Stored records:
-- Opening Marker --

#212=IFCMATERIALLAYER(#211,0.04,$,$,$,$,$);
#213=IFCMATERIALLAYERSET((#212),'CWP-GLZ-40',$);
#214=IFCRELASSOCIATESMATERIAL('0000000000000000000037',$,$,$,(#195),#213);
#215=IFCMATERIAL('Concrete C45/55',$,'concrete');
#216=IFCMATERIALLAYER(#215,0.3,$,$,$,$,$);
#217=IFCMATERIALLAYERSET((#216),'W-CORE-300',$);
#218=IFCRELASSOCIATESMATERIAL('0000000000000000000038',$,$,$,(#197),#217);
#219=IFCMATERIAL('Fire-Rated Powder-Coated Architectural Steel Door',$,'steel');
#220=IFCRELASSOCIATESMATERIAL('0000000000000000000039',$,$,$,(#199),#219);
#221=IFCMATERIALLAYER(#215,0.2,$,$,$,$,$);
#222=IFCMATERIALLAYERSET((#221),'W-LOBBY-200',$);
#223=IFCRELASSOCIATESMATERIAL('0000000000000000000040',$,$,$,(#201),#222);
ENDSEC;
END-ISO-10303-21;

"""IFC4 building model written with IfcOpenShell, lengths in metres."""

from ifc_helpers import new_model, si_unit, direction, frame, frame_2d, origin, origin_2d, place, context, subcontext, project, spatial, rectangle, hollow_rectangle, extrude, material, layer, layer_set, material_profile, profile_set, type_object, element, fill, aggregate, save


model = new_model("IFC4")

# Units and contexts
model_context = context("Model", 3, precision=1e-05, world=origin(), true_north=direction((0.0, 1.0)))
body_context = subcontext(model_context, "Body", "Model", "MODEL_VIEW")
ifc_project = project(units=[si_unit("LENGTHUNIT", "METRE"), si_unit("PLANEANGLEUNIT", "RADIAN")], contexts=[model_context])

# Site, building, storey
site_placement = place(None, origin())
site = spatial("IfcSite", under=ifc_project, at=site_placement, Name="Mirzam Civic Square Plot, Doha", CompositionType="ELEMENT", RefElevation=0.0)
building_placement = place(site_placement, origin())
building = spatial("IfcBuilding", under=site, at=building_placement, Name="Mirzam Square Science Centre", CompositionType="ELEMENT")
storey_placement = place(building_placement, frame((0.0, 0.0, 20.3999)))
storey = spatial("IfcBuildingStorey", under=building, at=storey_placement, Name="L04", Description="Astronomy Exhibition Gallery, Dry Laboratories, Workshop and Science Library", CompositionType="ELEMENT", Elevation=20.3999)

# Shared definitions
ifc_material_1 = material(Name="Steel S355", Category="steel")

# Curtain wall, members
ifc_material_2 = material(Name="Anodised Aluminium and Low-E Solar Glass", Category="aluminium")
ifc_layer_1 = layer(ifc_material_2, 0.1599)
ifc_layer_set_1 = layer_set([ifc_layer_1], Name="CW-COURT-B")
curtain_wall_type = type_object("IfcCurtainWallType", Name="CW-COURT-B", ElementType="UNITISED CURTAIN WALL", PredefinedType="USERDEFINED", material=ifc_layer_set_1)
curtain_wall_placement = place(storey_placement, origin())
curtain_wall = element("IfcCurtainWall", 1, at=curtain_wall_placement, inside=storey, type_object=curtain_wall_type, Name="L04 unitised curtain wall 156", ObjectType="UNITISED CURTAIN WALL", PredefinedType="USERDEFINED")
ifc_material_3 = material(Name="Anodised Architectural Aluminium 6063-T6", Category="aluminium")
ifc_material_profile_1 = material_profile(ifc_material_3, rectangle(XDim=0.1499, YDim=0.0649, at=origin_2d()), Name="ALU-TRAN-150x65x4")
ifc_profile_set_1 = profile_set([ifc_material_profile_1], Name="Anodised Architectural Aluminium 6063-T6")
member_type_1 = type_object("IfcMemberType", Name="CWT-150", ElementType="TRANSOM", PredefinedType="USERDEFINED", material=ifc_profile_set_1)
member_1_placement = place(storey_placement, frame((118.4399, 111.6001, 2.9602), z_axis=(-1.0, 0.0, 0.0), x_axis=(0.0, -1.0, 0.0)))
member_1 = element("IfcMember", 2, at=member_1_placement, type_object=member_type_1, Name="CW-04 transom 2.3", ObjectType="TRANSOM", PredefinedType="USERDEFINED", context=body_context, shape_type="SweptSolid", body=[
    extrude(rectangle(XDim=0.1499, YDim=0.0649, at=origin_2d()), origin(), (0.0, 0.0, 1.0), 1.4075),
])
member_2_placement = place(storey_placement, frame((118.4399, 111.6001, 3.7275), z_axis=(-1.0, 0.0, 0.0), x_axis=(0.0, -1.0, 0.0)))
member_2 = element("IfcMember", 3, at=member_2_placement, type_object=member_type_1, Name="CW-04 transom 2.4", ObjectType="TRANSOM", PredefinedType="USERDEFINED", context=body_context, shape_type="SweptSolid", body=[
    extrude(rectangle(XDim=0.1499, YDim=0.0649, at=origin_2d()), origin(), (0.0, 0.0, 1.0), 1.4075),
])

-- Closing Marker --

Starting at the top of the data above, repeat every line exactly until the line containing "frame((0.0, 0.0, 20.3999)))" has been given, then stop.

* **SOLUTION FOR THIS TASK**:
#212=IFCMATERIALLAYER(#211,0.04,$,$,$,$,$);
#213=IFCMATERIALLAYERSET((#212),'CWP-GLZ-40',$);
#214=IFCRELASSOCIATESMATERIAL('0000000000000000000037',$,$,$,(#195),#213);
#215=IFCMATERIAL('Concrete C45/55',$,'concrete');
#216=IFCMATERIALLAYER(#215,0.3,$,$,$,$,$);
#217=IFCMATERIALLAYERSET((#216),'W-CORE-300',$);
#218=IFCRELASSOCIATESMATERIAL('0000000000000000000038',$,$,$,(#197),#217);
#219=IFCMATERIAL('Fire-Rated Powder-Coated Architectural Steel Door',$,'steel');
#220=IFCRELASSOCIATESMATERIAL('0000000000000000000039',$,$,$,(#199),#219);
#221=IFCMATERIALLAYER(#215,0.2,$,$,$,$,$);
#222=IFCMATERIALLAYERSET((#221),'W-LOBBY-200',$);
#223=IFCRELASSOCIATESMATERIAL('0000000000000000000040',$,$,$,(#201),#222);
ENDSEC;
END-ISO-10303-21;

"""IFC4 building model written with IfcOpenShell, lengths in metres."""

from ifc_helpers import new_model, si_unit, direction, frame, frame_2d, origin, origin_2d, place, context, subcontext, project, spatial, rectangle, hollow_rectangle, extrude, material, layer, layer_set, material_profile, profile_set, type_object, element, fill, aggregate, save


model = new_model("IFC4")

# Units and contexts
model_context = context("Model", 3, precision=1e-05, world=origin(), true_north=direction((0.0, 1.0)))
body_context = subcontext(model_context, "Body", "Model", "MODEL_VIEW")
ifc_project = project(units=[si_unit("LENGTHUNIT", "METRE"), si_unit("PLANEANGLEUNIT", "RADIAN")], contexts=[model_context])

# Site, building, storey
site_placement = place(None, origin())
site = spatial("IfcSite", under=ifc_project, at=site_placement, Name="Mirzam Civic Square Plot, Doha", CompositionType="ELEMENT", RefElevation=0.0)
building_placement = place(site_placement, origin())
building = spatial("IfcBuilding", under=site, at=building_placement, Name="Mirzam Square Science Centre", CompositionType="ELEMENT")
storey_placement = place(building_placement, frame((0.0, 0.0, 20.3999)))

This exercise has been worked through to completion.